PROVIDED DATA:
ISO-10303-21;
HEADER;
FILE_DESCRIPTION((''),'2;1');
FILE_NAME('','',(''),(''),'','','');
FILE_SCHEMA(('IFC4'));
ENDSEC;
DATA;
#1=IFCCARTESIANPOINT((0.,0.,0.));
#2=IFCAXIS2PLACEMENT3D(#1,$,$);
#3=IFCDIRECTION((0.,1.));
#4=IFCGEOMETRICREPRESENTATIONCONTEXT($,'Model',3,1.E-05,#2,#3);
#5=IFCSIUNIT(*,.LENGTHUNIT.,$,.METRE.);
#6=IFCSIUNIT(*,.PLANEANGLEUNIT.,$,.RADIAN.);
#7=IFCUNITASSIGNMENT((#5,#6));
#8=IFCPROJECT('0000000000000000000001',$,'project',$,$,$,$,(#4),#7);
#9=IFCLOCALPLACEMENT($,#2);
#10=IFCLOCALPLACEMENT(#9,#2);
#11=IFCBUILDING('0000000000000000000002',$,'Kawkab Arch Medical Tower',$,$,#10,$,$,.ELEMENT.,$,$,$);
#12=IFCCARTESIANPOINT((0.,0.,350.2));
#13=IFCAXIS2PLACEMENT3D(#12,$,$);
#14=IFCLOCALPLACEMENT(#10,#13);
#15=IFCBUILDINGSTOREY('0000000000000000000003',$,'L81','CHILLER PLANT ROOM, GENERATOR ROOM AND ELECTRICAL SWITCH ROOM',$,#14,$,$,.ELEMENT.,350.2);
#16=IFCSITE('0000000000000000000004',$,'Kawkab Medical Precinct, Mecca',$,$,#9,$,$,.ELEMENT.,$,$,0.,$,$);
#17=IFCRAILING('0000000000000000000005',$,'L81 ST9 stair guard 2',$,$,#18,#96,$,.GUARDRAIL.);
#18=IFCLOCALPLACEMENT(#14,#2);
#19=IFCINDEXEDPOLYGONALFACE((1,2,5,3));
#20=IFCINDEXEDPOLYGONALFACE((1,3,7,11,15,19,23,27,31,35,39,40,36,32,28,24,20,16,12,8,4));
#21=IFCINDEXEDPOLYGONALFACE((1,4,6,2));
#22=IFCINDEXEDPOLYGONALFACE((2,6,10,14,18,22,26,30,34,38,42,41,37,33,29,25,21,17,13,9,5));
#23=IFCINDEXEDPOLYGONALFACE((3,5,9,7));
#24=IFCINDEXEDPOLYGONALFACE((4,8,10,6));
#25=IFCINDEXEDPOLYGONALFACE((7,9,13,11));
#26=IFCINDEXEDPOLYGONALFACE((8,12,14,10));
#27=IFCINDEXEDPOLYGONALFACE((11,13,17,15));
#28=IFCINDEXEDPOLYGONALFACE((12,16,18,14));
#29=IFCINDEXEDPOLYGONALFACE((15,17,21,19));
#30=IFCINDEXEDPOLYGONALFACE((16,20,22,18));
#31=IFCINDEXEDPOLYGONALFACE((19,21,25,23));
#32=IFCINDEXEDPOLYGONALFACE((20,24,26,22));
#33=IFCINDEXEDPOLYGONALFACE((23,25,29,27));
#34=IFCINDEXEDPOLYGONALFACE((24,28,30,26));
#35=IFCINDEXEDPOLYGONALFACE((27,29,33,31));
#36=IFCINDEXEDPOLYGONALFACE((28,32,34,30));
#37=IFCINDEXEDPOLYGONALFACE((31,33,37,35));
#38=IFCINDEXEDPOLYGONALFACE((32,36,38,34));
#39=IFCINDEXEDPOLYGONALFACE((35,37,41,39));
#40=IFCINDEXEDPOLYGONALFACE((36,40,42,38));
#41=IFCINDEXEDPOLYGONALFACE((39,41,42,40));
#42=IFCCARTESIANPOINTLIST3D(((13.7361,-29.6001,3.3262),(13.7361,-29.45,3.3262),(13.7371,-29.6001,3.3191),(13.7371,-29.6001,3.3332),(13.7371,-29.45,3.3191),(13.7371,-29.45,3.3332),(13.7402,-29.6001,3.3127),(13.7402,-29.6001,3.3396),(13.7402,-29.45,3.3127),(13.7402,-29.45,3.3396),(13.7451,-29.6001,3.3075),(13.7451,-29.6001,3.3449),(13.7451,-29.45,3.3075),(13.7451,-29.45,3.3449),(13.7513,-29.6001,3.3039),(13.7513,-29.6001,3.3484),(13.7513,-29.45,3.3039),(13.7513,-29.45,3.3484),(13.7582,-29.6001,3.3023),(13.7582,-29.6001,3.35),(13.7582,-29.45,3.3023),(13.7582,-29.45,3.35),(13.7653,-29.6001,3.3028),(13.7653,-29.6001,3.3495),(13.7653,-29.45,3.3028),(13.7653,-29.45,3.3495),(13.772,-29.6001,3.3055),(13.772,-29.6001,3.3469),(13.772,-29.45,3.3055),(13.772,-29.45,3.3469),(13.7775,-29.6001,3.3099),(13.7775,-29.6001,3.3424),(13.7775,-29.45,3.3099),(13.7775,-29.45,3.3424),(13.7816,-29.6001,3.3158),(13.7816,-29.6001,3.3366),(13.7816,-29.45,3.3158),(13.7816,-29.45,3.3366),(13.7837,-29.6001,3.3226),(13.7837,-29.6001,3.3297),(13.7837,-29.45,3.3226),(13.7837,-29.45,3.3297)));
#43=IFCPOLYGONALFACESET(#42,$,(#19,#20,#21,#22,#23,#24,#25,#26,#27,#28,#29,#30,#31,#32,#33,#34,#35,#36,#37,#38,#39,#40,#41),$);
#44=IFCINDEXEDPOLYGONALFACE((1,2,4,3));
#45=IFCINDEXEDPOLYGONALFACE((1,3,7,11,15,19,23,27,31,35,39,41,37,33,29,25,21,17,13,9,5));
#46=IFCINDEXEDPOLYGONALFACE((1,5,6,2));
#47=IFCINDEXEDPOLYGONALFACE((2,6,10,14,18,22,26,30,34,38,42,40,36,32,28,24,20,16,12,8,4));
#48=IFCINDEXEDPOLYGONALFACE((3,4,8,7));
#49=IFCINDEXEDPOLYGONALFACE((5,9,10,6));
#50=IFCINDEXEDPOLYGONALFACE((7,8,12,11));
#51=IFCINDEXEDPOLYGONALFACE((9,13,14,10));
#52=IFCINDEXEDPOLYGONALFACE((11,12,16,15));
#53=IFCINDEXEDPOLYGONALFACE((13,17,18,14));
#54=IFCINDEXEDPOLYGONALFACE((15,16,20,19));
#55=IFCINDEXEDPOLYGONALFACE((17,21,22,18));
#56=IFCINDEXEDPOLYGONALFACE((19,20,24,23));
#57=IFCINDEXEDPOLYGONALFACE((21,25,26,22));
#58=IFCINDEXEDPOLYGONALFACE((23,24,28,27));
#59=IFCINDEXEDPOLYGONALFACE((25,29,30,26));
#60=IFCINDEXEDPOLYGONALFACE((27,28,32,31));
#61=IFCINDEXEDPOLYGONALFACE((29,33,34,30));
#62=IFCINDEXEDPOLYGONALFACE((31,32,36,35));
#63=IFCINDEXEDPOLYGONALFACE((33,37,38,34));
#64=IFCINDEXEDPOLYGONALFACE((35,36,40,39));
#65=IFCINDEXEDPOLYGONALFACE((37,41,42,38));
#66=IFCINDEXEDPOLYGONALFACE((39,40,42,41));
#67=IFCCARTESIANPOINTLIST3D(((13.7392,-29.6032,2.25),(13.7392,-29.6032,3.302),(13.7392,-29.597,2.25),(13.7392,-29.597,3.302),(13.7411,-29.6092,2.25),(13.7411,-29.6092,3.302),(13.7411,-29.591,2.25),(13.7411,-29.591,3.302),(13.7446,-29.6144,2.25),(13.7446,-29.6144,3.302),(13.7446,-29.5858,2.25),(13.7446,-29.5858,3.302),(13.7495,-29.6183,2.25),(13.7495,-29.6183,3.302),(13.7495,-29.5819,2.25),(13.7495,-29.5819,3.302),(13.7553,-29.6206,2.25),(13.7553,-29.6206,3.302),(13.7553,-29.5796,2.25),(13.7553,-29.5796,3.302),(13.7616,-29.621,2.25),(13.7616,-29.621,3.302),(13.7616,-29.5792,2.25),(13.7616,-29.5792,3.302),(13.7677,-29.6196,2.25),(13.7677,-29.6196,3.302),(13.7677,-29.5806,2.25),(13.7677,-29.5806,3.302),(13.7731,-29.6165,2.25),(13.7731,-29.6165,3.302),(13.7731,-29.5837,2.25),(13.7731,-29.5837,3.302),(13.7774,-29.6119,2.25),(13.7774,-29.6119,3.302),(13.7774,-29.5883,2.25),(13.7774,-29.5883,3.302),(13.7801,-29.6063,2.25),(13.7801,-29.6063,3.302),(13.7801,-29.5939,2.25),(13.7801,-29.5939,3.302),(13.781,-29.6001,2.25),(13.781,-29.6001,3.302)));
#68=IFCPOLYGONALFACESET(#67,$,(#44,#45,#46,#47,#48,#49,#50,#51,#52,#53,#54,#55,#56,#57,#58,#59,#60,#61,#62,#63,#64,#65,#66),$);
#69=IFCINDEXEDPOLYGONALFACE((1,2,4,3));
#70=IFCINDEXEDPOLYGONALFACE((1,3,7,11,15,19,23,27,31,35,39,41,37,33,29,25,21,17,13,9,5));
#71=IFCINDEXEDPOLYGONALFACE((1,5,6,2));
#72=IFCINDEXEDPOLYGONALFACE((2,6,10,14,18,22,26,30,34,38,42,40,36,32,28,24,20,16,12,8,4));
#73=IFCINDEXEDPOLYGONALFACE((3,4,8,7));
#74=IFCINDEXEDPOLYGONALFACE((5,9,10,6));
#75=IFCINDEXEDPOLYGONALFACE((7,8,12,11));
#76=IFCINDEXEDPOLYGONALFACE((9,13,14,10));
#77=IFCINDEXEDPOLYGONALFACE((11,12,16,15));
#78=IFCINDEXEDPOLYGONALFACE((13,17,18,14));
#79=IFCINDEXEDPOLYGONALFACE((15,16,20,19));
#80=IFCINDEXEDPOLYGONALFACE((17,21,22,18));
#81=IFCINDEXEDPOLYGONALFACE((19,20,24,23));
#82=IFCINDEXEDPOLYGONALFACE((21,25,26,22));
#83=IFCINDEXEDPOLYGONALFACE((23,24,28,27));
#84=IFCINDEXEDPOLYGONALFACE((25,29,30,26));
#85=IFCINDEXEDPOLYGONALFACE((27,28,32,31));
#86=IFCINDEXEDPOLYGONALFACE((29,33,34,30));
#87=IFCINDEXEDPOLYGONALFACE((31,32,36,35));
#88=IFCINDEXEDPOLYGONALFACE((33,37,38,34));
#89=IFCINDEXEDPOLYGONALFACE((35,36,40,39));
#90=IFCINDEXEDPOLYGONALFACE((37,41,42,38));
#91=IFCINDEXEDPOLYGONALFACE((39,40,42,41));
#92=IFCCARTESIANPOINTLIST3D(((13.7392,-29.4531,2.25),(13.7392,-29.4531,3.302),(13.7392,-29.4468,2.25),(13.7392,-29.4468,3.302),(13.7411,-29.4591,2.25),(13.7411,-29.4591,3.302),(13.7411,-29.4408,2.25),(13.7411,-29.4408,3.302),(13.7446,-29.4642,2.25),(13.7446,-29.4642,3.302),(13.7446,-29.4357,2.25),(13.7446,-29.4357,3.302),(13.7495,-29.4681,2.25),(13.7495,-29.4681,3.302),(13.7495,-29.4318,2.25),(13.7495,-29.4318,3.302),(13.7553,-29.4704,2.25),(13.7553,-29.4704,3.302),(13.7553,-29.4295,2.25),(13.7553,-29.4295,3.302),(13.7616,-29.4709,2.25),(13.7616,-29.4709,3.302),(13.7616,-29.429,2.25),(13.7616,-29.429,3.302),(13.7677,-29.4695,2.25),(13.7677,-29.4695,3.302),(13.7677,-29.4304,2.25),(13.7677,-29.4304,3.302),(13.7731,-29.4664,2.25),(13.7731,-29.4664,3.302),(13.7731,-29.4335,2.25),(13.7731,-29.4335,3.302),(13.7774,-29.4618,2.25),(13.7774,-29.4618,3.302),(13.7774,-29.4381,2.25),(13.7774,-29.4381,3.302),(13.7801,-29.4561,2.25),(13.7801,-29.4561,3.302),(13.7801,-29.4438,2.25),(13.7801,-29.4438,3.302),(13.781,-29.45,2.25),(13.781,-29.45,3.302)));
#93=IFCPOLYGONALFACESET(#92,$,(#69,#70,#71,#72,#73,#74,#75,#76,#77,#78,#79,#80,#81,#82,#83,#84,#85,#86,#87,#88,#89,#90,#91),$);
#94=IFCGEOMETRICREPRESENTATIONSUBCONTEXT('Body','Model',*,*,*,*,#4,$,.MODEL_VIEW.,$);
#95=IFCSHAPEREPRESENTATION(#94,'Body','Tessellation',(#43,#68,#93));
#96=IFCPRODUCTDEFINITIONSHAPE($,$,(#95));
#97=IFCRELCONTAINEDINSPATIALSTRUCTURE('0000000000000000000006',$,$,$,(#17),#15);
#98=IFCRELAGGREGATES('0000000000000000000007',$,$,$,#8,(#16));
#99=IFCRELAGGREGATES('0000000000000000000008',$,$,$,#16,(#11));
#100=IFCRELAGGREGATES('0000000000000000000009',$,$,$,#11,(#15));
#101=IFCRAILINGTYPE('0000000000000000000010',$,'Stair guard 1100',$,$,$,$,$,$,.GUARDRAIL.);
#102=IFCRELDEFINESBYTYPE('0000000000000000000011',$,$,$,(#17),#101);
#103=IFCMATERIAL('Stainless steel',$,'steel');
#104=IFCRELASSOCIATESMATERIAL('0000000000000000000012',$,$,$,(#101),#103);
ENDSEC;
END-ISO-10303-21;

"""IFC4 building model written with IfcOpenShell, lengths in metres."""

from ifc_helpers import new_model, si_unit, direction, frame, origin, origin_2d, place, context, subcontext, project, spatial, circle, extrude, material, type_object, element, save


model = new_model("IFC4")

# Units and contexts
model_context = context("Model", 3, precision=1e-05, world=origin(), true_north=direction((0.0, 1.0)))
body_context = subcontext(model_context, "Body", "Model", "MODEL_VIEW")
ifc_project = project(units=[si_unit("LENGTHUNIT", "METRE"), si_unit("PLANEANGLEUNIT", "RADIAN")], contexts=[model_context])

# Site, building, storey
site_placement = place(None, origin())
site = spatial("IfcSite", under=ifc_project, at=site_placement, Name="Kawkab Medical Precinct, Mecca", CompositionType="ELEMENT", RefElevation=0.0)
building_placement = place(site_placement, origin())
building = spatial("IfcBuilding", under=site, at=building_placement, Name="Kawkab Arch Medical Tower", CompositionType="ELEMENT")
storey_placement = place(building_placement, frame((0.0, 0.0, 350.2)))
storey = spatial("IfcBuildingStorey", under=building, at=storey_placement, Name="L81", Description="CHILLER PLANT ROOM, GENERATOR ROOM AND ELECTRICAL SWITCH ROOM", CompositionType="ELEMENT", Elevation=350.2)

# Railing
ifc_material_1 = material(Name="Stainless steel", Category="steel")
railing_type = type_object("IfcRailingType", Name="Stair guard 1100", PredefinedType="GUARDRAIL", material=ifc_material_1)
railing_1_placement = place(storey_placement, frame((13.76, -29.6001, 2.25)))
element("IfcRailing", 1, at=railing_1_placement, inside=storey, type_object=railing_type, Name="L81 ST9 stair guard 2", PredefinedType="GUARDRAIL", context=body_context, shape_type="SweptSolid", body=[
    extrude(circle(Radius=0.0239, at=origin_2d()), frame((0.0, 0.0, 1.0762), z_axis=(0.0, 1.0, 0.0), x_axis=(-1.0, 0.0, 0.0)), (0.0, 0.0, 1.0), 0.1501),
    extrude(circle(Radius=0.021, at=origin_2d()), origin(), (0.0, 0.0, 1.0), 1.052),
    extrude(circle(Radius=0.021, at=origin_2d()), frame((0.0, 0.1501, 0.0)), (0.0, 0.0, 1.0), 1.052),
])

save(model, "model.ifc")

EXERCISE:
Quote the listing above, but only from the line that shows "#55=IFCINDEXEDPOLYGONALFACE((17,21,22,18));" through the line that shows "#66=IFCINDEXEDPOLYGONALFACE((39,40,42,41));".

RESPONSE AREA:
#55=IFCINDEXEDPOLYGONALFACE((17,21,22,18));
#56=IFCINDEXEDPOLYGONALFACE((19,20,24,23));
#57=IFCINDEXEDPOLYGONALFACE((21,25,26,22));
#58=IFCINDEXEDPOLYGONALFACE((23,24,28,27));
#59=IFCINDEXEDPOLYGONALFACE((25,29,30,26));
#60=IFCINDEXEDPOLYGONALFACE((27,28,32,31));
#61=IFCINDEXEDPOLYGONALFACE((29,33,34,30));
#62=IFCINDEXEDPOLYGONALFACE((31,32,36,35));
#63=IFCINDEXEDPOLYGONALFACE((33,37,38,34));
#64=IFCINDEXEDPOLYGONALFACE((35,36,40,39));
#65=IFCINDEXEDPOLYGONALFACE((37,41,42,38));
#66=IFCINDEXEDPOLYGONALFACE((39,40,42,41));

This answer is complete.